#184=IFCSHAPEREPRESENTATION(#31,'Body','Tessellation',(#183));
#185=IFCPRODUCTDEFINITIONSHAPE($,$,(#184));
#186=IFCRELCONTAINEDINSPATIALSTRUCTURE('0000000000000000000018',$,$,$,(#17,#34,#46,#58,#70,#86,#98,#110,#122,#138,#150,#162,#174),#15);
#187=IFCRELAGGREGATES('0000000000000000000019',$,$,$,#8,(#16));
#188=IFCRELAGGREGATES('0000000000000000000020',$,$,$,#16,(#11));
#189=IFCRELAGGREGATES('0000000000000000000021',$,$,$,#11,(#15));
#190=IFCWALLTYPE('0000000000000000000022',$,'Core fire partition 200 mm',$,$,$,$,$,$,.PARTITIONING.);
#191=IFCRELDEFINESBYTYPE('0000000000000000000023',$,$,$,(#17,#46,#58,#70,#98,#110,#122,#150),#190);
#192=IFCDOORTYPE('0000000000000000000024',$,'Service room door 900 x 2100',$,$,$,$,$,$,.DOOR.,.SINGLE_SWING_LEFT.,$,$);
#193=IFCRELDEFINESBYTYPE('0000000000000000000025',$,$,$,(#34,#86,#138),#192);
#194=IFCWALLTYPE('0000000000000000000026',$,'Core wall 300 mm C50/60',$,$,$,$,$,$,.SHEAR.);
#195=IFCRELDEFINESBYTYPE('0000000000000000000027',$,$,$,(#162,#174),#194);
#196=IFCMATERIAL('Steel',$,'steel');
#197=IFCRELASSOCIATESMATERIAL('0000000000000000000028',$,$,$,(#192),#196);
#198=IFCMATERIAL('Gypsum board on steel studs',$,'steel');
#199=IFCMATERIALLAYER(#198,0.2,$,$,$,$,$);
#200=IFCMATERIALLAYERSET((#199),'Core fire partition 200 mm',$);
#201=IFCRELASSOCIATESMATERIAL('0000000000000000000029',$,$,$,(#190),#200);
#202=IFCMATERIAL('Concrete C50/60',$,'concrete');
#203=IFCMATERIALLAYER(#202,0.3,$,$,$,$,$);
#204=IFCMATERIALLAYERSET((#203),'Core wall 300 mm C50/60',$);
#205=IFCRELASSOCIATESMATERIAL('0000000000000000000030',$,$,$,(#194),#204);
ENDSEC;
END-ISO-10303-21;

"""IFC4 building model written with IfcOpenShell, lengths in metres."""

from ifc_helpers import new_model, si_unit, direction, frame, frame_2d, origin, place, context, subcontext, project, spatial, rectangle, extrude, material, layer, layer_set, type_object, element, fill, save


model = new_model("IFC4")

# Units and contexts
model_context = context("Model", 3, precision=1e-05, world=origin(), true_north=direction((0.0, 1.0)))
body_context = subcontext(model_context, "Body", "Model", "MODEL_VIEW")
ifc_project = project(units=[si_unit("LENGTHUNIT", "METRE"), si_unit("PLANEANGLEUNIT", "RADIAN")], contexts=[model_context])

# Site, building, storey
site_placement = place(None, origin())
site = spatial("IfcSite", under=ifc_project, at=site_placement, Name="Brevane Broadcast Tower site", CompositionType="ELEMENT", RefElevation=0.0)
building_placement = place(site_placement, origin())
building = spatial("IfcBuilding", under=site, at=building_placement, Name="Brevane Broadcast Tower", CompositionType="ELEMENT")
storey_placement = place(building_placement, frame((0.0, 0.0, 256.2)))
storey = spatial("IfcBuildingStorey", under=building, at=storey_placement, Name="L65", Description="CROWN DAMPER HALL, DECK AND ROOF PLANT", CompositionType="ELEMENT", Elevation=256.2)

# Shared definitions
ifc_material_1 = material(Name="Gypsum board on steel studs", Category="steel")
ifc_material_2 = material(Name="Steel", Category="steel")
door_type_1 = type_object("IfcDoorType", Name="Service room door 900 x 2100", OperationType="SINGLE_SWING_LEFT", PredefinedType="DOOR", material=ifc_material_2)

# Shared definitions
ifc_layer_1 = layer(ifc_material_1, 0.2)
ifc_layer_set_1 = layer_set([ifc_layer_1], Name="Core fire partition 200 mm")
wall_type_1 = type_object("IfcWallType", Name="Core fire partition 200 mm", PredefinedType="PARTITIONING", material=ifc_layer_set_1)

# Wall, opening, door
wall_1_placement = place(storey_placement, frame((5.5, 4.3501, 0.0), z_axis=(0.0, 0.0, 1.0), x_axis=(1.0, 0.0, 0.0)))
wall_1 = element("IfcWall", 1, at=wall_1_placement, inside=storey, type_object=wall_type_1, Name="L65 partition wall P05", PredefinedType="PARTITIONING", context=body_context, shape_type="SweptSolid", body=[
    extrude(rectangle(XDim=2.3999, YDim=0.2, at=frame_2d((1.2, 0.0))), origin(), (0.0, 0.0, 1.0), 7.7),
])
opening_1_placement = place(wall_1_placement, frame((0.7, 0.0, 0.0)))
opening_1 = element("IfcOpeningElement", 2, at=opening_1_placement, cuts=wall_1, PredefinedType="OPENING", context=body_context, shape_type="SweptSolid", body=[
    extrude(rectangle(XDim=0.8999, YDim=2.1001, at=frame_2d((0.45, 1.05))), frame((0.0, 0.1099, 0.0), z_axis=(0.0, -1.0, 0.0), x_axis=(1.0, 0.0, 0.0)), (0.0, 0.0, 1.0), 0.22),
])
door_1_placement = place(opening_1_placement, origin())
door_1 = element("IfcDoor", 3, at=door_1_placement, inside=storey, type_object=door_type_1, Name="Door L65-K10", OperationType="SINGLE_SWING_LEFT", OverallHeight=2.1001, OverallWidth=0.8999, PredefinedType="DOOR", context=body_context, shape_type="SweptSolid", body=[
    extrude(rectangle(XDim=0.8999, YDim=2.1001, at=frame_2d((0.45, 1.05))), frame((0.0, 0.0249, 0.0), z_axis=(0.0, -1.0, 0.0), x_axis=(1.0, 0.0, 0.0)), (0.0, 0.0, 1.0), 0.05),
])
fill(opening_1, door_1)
--
• _WHAT YOU WILL DO_: Return, word for word, every line from the line with "frame((0.7, 0.0, 0.0)))" to the final line of the data.

• _TASK ANSWER_:
opening_1_placement = place(wall_1_placement, frame((0.7, 0.0, 0.0)))
opening_1 = element("IfcOpeningElement", 2, at=opening_1_placement, cuts=wall_1, PredefinedType="OPENING", context=body_context, shape_type="SweptSolid", body=[
    extrude(rectangle(XDim=0.8999, YDim=2.1001, at=frame_2d((0.45, 1.05))), frame((0.0, 0.1099, 0.0), z_axis=(0.0, -1.0, 0.0), x_axis=(1.0, 0.0, 0.0)), (0.0, 0.0, 1.0), 0.22),
])
door_1_placement = place(opening_1_placement, origin())
door_1 = element("IfcDoor", 3, at=door_1_placement, inside=storey, type_object=door_type_1, Name="Door L65-K10", OperationType="SINGLE_SWING_LEFT", OverallHeight=2.1001, OverallWidth=0.8999, PredefinedType="DOOR", context=body_context, shape_type="SweptSolid", body=[
    extrude(rectangle(XDim=0.8999, YDim=2.1001, at=frame_2d((0.45, 1.05))), frame((0.0, 0.0249, 0.0), z_axis=(0.0, -1.0, 0.0), x_axis=(1.0, 0.0, 0.0)), (0.0, 0.0, 1.0), 0.05),
])
fill(opening_1, door_1)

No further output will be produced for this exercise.